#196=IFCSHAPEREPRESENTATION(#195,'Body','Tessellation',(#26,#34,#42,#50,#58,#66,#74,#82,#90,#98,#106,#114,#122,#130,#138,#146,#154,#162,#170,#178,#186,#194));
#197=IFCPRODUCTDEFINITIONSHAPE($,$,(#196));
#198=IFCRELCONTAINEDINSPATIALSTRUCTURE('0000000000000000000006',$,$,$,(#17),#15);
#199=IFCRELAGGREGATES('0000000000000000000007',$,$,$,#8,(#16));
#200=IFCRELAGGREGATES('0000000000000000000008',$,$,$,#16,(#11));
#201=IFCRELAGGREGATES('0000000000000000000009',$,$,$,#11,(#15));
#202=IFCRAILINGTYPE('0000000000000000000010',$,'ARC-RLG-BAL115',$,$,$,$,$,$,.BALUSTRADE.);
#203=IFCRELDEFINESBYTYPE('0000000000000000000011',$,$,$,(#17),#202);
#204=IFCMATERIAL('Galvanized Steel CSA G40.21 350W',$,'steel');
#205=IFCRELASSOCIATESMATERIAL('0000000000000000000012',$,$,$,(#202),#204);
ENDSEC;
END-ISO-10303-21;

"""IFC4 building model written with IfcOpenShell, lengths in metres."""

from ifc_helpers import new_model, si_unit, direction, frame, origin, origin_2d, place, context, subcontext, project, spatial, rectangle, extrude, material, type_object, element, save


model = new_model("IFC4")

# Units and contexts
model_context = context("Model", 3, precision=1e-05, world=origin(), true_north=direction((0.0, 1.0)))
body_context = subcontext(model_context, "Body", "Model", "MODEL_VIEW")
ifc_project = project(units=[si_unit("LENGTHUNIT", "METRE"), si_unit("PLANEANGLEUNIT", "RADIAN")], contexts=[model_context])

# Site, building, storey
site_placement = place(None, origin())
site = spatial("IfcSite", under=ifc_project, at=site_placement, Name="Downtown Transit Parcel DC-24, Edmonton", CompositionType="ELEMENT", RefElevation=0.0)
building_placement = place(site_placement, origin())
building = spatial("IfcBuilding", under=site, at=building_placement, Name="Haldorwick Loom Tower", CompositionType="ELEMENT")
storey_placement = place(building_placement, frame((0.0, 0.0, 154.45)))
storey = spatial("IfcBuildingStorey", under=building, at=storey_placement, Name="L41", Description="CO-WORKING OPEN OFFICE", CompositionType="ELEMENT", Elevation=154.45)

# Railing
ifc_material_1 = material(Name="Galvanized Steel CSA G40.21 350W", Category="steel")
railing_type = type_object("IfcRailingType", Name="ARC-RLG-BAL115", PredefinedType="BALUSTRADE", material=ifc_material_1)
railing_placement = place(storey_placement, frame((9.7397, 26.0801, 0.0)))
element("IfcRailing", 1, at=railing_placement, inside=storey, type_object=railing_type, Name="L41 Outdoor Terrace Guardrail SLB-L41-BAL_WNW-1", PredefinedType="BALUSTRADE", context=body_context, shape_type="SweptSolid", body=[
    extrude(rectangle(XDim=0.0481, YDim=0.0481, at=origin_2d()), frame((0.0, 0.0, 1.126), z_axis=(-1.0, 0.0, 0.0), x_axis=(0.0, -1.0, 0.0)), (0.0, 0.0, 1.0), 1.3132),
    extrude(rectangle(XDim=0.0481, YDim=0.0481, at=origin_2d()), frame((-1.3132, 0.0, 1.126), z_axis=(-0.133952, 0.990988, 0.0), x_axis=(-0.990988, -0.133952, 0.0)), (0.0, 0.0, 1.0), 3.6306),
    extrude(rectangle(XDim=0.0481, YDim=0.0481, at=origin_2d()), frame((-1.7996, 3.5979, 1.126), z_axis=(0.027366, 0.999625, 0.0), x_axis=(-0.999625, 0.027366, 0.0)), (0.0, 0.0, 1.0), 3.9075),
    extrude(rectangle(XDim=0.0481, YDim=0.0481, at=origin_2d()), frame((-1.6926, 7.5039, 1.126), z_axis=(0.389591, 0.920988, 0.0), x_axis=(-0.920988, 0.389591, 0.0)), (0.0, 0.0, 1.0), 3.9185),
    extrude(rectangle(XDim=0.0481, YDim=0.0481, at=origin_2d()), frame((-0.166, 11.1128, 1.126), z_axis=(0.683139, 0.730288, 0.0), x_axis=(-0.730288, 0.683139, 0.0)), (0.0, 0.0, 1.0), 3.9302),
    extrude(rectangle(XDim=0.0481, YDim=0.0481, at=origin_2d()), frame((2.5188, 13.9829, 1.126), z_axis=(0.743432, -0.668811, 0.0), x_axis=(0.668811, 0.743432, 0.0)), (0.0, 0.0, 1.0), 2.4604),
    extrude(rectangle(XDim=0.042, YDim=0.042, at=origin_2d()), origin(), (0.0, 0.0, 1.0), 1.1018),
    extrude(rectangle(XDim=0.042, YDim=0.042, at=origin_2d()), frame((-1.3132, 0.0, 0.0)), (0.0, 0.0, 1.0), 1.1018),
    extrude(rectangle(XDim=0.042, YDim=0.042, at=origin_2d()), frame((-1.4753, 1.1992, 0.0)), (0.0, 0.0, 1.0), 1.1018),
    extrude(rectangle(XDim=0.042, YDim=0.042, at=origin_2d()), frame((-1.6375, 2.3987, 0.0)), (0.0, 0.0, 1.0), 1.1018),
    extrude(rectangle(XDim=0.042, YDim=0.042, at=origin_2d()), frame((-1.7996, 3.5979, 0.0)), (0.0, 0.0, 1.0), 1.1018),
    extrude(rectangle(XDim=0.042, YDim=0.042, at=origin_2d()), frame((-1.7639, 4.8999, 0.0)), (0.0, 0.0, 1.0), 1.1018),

==

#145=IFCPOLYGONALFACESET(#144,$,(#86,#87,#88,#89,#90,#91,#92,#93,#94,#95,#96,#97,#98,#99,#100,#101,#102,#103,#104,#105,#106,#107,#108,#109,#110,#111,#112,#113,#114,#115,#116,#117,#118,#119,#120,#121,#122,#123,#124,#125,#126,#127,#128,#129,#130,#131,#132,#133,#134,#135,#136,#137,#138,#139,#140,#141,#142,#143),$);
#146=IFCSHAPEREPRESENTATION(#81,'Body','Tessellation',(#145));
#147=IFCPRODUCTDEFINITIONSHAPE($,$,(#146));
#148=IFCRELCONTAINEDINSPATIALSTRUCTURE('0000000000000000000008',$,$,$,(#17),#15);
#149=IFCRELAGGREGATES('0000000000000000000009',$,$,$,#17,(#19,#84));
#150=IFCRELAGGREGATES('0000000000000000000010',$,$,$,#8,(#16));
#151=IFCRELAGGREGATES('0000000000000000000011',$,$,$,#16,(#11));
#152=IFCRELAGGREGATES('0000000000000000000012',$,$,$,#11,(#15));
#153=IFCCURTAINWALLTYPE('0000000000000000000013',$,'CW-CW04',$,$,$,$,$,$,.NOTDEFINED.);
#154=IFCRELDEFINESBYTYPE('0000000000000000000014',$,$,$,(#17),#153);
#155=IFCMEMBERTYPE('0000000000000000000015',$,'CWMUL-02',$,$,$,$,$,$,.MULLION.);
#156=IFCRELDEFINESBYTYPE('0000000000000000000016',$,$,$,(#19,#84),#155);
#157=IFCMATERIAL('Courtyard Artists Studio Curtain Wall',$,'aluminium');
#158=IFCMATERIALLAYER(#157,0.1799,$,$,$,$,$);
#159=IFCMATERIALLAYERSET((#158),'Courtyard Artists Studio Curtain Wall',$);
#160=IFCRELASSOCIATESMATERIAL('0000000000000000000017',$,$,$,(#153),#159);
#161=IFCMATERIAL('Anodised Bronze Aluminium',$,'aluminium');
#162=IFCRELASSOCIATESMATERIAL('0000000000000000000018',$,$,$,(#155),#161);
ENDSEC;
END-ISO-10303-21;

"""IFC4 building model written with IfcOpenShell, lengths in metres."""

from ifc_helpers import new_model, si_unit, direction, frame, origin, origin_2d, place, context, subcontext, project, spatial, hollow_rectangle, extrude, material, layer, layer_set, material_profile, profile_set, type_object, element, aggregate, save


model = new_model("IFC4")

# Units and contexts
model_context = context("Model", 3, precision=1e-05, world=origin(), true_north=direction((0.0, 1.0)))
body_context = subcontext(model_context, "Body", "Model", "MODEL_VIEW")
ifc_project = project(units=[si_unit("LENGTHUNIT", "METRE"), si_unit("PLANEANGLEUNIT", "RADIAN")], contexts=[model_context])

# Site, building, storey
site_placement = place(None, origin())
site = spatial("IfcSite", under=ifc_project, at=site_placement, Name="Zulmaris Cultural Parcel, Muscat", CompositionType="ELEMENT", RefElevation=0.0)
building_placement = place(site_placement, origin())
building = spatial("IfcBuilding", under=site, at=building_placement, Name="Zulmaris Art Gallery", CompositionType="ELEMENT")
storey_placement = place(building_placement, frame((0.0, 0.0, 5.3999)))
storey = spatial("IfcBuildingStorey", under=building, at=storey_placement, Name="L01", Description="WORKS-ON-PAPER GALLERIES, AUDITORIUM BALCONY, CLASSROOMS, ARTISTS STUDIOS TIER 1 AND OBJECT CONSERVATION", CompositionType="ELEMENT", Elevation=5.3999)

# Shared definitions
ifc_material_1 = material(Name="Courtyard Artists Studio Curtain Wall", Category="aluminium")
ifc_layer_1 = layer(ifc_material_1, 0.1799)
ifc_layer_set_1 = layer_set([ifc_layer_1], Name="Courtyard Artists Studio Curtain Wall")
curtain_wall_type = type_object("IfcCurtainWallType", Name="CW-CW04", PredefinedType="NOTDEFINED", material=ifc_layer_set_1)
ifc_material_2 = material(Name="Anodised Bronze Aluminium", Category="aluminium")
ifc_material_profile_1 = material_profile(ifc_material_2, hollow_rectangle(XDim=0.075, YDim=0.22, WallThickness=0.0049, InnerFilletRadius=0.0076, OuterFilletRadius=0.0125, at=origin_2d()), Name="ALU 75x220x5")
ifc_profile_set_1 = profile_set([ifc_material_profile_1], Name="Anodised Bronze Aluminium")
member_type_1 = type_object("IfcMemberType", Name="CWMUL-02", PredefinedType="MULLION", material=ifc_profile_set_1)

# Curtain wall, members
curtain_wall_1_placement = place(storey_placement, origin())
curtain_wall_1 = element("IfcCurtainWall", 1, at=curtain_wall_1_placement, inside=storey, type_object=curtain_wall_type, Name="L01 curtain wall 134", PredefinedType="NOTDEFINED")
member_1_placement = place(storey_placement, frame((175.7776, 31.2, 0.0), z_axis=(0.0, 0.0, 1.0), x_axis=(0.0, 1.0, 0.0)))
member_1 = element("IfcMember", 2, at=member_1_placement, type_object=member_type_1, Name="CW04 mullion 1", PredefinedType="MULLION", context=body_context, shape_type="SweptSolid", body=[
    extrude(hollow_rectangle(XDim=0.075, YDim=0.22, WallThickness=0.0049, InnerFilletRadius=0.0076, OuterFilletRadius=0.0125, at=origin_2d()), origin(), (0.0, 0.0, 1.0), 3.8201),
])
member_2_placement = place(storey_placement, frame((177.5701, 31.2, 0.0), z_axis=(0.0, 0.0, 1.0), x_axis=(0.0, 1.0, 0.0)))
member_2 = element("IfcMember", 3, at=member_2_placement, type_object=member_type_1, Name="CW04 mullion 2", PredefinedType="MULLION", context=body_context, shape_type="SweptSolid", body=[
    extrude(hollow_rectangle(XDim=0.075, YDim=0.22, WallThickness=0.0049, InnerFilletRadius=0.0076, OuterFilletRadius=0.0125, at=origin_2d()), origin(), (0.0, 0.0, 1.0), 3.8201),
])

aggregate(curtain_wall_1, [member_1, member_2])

▶ _TASK REQUIREMENTS_
Among these entries, how many lines include the string "IFCRELCONTAINEDINSPATIALSTRUCTURE"? Reply with the number by itself.

▶ _WORKED SOLUTION_
2